▶ **Exercise**: Find every line in the entries that holds the string "spandrel" and report it.

Dataset items
──────

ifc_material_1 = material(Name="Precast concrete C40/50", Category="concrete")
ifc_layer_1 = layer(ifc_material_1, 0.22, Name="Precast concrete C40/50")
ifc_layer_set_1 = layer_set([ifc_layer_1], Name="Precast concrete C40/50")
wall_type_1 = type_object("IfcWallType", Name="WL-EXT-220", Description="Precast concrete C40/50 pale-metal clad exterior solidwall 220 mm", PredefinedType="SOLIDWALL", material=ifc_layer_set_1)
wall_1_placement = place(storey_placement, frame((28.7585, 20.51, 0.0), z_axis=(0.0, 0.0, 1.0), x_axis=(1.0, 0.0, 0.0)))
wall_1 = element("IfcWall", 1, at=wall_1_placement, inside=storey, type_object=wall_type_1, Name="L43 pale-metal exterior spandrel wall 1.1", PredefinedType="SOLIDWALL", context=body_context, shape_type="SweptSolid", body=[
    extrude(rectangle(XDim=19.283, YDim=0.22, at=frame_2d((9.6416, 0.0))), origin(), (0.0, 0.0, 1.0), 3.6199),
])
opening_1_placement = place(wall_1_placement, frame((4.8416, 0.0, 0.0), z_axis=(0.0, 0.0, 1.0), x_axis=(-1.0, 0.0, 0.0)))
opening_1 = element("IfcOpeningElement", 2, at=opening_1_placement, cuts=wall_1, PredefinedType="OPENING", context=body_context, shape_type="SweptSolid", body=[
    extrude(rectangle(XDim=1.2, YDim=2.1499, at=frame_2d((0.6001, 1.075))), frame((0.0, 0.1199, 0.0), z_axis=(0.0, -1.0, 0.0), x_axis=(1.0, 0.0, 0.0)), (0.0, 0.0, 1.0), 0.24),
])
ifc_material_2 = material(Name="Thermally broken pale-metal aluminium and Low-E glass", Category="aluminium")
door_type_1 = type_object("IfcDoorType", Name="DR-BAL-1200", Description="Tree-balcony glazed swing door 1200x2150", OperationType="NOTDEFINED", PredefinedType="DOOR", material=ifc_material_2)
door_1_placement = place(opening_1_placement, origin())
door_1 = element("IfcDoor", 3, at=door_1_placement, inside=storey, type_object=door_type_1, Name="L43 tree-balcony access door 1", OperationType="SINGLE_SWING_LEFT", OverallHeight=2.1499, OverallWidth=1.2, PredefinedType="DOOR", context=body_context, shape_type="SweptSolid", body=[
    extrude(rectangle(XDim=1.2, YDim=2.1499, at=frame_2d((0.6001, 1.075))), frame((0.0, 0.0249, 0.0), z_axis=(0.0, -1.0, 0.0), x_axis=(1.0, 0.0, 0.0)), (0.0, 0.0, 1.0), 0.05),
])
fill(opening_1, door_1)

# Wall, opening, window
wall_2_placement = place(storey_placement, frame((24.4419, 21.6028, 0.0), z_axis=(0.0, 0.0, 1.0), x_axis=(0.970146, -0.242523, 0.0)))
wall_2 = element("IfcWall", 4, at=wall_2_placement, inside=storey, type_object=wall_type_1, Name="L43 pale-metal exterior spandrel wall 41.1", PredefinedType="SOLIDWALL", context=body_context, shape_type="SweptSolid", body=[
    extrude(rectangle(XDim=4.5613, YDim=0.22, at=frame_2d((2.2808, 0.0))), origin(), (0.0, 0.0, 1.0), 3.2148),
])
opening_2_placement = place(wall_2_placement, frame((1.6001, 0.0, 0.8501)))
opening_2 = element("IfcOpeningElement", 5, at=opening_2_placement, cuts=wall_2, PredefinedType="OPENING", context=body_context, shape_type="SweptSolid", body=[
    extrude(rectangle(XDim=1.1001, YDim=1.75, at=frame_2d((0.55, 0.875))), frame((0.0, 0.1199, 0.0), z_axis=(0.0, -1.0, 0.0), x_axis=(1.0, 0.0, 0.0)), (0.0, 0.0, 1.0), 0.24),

──────

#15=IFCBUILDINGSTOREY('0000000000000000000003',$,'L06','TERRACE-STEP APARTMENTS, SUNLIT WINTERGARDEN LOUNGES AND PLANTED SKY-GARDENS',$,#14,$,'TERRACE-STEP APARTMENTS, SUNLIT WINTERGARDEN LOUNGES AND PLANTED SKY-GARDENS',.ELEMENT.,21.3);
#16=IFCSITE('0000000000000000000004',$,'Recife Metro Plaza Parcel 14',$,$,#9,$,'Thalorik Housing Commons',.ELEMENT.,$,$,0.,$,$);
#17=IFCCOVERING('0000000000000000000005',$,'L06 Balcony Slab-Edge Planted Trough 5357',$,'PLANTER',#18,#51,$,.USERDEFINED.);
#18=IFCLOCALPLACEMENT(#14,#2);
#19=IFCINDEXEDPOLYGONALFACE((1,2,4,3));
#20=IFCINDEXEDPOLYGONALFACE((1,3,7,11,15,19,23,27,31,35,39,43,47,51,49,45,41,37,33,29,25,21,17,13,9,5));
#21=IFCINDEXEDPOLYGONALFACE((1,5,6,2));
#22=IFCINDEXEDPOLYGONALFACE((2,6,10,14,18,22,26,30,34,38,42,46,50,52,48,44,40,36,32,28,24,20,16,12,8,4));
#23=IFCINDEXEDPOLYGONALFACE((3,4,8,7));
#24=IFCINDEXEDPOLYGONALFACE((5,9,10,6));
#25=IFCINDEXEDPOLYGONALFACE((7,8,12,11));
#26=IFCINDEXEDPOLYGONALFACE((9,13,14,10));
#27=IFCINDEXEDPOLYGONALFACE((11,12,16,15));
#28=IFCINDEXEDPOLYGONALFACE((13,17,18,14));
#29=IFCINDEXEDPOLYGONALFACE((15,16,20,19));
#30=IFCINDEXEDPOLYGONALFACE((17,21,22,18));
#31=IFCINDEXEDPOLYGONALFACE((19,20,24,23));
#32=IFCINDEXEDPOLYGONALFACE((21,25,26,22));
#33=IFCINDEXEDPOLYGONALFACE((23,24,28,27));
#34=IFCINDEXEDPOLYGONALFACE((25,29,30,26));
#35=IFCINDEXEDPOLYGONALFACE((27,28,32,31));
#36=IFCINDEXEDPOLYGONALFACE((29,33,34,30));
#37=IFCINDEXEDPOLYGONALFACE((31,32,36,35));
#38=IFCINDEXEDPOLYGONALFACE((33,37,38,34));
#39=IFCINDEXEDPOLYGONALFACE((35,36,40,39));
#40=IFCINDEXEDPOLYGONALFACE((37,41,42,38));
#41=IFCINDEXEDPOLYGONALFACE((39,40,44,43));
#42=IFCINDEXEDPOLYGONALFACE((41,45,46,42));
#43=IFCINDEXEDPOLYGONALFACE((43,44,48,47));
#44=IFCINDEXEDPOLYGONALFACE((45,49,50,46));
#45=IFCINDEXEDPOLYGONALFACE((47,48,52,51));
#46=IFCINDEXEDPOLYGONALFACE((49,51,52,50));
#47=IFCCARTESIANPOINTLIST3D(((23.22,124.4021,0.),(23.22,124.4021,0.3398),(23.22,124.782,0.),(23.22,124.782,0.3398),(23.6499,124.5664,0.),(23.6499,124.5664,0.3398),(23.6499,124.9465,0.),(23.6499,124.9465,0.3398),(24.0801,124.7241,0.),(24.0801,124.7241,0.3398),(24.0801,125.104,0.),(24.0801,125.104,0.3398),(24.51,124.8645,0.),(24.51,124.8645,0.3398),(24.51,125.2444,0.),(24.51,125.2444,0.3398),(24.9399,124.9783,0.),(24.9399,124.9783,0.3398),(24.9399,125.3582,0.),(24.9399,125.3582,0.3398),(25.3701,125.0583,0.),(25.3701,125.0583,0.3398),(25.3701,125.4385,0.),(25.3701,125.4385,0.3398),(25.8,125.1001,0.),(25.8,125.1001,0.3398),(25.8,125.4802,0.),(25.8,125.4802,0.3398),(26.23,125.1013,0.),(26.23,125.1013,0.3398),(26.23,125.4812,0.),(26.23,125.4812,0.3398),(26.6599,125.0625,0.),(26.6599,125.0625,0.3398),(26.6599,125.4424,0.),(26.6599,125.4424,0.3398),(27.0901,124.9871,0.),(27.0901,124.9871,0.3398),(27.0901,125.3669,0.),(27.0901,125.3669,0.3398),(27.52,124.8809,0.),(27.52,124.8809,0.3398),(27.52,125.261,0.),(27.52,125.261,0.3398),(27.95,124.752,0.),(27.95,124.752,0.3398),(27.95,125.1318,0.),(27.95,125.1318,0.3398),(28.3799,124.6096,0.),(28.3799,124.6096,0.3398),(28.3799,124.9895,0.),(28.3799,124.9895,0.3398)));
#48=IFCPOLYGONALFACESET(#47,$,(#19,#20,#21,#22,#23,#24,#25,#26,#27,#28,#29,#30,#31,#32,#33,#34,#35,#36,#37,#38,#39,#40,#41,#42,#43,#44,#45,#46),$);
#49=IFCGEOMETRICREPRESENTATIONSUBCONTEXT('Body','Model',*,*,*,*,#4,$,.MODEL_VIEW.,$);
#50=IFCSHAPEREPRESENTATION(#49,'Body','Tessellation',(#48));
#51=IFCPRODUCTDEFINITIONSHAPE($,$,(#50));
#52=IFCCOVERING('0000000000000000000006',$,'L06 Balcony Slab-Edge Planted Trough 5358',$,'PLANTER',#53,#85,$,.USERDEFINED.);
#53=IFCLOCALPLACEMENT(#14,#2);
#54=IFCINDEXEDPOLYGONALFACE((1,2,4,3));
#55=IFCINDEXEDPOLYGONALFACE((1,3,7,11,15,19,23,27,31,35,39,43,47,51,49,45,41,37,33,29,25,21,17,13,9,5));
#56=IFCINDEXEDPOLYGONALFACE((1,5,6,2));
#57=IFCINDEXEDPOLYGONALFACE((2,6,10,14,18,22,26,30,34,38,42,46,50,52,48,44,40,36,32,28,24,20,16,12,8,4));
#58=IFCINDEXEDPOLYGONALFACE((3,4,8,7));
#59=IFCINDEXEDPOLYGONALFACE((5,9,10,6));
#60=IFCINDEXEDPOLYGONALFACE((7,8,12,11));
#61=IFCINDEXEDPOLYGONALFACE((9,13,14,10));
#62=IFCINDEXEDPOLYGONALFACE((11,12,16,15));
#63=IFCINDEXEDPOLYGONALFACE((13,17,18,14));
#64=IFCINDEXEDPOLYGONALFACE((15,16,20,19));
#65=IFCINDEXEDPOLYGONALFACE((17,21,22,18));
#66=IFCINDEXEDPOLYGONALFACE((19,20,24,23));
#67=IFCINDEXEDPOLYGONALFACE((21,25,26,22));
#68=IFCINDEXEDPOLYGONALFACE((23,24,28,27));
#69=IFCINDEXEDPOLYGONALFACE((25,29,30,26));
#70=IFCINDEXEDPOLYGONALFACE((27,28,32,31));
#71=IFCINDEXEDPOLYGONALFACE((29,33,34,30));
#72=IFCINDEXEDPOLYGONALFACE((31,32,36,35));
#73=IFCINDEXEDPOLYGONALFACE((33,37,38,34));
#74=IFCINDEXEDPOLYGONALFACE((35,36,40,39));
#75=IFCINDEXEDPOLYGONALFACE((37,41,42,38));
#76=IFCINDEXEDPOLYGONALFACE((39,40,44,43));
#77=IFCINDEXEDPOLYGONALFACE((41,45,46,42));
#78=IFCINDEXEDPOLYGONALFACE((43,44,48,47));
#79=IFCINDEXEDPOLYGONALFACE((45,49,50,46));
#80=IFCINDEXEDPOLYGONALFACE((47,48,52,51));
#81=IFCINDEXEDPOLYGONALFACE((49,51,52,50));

──────

▶ **Result of this exercise**:
wall_1 = element("IfcWall", 1, at=wall_1_placement, inside=storey, type_object=wall_type_1, Name="L43 pale-metal exterior spandrel wall 1.1", PredefinedType="SOLIDWALL", context=body_context, shape_type="SweptSolid", body=[
wall_2 = element("IfcWall", 4, at=wall_2_placement, inside=storey, type_object=wall_type_1, Name="L43 pale-metal exterior spandrel wall 41.1", PredefinedType="SOLIDWALL", context=body_context, shape_type="SweptSolid", body=[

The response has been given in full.